● **EXERCISE**
Give back exactly the lines of the entries below from the line with "#25=IFCINDEXEDPOLYGONALFACE((6,10,12,8));" to the line with "#30=IFCINDEXEDPOLYGONALFACE((17,19,23,21));", inclusive, and only those.

### EXERCISE MATERIALS

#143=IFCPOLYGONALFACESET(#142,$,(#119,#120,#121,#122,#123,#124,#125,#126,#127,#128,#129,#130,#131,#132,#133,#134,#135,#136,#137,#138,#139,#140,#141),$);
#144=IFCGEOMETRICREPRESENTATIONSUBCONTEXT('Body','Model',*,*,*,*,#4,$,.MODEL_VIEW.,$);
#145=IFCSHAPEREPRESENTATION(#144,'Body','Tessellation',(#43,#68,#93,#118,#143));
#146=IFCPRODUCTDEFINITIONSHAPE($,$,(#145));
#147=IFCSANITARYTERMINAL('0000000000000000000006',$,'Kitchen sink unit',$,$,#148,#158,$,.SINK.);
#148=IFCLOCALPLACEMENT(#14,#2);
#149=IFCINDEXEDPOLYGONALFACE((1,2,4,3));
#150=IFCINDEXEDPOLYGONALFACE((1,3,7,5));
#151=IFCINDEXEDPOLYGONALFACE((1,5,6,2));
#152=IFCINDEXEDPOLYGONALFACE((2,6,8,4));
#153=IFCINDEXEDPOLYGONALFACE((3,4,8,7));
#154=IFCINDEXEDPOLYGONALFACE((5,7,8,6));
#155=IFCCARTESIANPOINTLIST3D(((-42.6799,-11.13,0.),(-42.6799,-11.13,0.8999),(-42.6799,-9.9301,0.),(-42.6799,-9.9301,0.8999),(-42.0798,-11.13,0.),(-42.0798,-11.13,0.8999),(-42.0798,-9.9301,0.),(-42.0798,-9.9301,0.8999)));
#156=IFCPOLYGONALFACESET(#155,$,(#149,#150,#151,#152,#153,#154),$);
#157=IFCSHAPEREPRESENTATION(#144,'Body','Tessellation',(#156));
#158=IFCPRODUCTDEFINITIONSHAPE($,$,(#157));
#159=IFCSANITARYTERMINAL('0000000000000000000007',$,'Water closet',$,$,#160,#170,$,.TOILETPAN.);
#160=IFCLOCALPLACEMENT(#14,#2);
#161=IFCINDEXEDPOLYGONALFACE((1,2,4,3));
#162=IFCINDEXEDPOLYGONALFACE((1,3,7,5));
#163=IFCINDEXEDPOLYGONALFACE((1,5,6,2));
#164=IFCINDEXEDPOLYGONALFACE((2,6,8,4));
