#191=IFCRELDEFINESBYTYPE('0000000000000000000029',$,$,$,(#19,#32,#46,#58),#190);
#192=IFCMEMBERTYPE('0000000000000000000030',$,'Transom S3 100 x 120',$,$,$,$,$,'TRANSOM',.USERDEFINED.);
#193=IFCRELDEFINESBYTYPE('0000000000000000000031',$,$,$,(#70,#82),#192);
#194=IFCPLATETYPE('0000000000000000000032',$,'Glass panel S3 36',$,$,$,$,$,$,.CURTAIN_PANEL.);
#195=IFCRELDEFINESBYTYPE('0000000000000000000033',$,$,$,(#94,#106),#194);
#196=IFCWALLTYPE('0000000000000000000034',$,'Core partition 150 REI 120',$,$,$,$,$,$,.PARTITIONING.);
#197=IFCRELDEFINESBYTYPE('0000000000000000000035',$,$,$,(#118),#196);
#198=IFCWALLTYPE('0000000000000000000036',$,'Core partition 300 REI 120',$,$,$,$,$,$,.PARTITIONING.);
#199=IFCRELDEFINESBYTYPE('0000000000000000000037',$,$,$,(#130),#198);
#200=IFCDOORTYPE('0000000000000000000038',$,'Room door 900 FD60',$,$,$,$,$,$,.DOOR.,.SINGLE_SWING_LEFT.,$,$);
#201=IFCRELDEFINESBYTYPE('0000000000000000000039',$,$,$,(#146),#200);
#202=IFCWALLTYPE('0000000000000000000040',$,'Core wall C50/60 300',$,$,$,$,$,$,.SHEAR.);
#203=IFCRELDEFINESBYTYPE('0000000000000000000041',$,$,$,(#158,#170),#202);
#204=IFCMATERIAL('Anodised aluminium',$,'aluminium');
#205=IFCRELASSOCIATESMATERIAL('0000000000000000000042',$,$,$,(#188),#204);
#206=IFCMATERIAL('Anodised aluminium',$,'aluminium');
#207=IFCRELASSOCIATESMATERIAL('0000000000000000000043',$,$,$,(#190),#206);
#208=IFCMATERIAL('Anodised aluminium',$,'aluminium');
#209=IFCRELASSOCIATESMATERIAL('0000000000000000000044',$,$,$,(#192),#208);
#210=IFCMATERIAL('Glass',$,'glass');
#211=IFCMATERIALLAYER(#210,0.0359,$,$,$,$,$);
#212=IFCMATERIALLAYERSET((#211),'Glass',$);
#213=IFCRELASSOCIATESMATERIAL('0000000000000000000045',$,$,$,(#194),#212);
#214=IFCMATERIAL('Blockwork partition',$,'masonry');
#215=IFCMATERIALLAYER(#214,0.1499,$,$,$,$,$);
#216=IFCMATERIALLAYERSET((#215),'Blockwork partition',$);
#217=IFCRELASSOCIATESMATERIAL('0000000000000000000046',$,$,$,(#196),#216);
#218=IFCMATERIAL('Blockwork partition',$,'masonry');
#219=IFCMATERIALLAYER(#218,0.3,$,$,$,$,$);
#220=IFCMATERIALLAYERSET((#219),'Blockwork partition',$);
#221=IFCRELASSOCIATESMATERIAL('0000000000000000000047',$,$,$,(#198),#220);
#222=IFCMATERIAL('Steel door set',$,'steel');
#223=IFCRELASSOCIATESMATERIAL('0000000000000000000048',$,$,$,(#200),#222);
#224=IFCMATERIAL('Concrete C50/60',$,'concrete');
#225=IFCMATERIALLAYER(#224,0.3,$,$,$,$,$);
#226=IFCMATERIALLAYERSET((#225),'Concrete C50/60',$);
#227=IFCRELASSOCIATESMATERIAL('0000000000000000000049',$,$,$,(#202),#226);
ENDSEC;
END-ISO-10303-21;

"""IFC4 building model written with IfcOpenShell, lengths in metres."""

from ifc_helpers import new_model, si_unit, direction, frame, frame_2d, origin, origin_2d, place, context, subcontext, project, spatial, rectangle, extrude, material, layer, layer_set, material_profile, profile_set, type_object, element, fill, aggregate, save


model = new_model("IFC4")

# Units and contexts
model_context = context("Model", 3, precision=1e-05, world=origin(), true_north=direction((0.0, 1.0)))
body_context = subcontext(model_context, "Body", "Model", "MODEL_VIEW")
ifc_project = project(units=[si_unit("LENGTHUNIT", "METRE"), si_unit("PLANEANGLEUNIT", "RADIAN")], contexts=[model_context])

######
### EXERCISE MATERIALS

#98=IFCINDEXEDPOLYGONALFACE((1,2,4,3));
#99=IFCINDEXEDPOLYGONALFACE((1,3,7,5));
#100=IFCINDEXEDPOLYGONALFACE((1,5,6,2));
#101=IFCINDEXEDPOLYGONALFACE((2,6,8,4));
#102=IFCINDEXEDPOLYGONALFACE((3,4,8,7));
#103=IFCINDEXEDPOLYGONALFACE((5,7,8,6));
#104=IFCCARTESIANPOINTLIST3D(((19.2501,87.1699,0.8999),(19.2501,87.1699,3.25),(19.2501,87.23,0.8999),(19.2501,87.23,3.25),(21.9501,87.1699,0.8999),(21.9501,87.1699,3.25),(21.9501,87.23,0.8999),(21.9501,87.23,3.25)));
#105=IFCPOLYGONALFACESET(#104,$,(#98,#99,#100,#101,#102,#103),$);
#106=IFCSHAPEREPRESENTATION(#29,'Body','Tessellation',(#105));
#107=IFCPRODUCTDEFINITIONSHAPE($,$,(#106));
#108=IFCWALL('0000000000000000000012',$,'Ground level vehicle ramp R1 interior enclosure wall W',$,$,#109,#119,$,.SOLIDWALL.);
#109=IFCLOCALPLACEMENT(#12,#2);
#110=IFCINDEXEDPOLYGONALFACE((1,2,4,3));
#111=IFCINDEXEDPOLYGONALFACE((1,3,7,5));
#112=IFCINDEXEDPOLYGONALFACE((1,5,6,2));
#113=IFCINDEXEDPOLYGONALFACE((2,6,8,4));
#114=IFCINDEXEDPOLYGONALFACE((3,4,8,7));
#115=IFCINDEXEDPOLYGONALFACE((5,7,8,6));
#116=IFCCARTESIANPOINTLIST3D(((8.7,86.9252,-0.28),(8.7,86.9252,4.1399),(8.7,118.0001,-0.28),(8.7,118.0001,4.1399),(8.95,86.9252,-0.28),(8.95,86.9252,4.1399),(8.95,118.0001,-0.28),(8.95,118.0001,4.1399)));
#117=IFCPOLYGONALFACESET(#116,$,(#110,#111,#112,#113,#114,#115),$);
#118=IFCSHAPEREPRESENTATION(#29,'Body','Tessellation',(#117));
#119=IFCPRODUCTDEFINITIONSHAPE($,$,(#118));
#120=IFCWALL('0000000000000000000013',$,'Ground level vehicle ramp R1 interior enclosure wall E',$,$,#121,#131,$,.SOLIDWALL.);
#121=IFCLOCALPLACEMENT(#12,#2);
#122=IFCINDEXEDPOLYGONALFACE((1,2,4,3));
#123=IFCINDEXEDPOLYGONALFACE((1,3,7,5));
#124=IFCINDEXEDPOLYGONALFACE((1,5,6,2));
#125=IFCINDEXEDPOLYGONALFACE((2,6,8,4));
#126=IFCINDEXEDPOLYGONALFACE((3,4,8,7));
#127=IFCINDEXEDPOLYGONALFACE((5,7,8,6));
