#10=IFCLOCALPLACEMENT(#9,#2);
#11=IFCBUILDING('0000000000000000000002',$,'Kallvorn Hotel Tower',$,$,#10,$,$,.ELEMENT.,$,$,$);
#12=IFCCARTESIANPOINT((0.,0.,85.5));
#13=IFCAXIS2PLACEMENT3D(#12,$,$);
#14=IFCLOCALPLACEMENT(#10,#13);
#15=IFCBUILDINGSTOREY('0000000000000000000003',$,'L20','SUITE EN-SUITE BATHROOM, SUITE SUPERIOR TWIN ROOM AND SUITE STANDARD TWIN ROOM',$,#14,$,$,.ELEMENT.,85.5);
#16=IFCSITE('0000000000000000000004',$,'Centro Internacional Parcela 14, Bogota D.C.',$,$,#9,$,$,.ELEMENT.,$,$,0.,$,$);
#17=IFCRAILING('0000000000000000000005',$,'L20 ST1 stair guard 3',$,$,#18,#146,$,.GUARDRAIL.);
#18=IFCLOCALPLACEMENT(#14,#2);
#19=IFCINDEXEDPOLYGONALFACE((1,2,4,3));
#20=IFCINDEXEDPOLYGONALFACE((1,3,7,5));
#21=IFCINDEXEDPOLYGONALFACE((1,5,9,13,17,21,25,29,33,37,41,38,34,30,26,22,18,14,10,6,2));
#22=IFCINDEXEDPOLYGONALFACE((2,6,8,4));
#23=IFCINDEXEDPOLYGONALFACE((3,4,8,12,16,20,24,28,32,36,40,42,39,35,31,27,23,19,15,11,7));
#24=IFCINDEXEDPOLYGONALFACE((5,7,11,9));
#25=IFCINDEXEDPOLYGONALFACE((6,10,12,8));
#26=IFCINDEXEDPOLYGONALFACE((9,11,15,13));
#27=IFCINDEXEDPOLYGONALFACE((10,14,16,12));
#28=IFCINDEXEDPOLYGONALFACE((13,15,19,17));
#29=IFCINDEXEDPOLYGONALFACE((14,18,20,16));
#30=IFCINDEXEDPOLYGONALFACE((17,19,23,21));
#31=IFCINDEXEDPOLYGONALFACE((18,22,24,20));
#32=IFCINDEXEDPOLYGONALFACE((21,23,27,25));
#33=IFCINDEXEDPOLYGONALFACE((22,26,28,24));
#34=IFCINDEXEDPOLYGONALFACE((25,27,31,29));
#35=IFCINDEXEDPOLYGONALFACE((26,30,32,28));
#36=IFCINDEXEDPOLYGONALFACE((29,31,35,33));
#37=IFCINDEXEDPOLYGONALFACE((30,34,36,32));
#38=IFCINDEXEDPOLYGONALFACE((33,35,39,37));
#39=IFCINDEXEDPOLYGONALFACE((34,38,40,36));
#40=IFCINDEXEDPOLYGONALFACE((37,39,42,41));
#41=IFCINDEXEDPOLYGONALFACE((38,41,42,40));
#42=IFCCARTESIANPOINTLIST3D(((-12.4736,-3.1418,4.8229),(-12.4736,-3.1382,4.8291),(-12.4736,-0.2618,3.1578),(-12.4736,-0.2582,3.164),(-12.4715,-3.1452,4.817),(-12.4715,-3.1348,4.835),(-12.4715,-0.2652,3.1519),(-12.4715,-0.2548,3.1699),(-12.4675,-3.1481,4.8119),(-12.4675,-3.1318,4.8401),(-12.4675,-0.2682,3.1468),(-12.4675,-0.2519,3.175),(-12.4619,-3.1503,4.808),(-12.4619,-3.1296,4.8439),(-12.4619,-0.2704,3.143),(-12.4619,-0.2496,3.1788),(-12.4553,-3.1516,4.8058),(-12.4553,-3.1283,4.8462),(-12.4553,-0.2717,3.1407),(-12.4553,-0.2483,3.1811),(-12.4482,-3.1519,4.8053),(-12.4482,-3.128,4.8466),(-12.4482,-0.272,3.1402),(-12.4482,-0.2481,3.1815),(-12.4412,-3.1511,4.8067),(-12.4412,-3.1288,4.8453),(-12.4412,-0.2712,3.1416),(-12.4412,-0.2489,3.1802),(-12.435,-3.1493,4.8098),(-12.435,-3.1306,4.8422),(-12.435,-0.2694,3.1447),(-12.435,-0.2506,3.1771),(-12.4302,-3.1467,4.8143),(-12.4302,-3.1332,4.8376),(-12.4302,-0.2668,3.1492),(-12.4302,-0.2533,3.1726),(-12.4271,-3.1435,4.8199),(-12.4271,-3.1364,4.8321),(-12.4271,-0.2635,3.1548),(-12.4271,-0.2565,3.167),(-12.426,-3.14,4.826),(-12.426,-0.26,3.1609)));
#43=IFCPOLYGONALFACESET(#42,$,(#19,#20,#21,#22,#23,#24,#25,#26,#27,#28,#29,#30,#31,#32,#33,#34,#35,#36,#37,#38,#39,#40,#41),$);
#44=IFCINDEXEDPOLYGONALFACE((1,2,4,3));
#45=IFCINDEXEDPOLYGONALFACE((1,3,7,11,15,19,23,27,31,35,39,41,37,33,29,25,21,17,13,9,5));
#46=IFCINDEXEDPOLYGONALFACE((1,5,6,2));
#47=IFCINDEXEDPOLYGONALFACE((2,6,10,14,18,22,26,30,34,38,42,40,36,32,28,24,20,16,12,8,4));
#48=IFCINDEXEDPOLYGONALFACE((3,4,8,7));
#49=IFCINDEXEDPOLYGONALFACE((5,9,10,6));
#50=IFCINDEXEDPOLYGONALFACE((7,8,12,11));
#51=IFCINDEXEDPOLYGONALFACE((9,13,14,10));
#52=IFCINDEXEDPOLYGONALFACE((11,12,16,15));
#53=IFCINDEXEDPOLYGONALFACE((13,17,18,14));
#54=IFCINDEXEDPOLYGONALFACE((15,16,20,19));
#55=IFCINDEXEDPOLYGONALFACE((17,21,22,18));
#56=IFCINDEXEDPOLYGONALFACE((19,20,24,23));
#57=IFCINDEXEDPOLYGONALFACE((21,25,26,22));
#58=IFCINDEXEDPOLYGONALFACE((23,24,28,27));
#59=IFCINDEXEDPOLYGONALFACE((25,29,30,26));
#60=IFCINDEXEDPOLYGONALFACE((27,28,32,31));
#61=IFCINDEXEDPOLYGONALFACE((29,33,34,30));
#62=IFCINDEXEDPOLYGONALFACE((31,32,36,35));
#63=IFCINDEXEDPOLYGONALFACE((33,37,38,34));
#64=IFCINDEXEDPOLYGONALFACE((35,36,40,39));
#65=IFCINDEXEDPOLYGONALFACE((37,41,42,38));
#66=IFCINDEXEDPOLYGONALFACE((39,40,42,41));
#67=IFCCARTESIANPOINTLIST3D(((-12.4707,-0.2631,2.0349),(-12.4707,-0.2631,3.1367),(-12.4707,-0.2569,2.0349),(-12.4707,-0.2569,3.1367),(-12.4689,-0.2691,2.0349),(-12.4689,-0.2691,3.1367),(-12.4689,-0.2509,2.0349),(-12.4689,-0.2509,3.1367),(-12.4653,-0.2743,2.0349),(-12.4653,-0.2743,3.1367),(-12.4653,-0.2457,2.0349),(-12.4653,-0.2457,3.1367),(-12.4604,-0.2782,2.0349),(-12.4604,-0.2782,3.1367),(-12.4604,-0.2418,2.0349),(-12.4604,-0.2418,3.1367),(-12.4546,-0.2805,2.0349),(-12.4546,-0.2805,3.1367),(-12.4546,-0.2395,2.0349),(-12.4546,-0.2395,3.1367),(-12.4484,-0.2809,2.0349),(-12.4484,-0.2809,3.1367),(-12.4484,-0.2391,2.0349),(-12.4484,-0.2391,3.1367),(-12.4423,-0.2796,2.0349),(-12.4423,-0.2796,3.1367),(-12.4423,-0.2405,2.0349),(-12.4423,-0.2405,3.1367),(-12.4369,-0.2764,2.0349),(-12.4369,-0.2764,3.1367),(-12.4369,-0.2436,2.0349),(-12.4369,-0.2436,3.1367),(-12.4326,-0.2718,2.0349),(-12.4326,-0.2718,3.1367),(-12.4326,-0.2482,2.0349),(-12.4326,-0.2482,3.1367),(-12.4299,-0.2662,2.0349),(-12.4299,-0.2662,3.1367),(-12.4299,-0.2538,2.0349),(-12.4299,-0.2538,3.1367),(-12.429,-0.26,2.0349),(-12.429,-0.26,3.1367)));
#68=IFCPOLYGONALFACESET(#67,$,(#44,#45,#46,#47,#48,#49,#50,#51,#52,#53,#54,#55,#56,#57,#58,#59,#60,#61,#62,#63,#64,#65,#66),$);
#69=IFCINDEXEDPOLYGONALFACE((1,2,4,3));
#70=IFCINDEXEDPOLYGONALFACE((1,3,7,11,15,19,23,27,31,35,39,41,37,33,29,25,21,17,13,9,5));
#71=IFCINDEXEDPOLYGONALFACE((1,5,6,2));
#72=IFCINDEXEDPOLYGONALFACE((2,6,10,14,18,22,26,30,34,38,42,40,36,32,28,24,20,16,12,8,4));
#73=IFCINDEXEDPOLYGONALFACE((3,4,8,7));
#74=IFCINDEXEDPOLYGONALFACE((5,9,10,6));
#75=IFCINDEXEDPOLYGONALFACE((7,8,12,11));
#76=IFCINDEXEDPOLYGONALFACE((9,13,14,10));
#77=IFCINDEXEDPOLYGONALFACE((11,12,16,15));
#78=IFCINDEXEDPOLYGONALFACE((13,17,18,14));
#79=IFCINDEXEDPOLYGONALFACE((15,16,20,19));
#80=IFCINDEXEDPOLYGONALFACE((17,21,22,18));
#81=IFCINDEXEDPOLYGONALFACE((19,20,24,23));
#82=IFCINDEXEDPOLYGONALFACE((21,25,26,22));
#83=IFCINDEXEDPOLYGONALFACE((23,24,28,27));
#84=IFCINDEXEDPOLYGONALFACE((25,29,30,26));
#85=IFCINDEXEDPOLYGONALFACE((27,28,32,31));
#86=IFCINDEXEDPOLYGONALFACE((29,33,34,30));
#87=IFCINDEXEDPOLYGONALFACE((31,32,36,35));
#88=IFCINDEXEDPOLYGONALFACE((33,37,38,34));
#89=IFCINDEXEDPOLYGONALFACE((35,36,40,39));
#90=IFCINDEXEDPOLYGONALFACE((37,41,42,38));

######

● **RESPONSE BOX**
#25=IFCINDEXEDPOLYGONALFACE((6,10,12,8));
#26=IFCINDEXEDPOLYGONALFACE((9,11,15,13));
#27=IFCINDEXEDPOLYGONALFACE((10,14,16,12));
#28=IFCINDEXEDPOLYGONALFACE((13,15,19,17));
#29=IFCINDEXEDPOLYGONALFACE((14,18,20,16));
#30=IFCINDEXEDPOLYGONALFACE((17,19,23,21));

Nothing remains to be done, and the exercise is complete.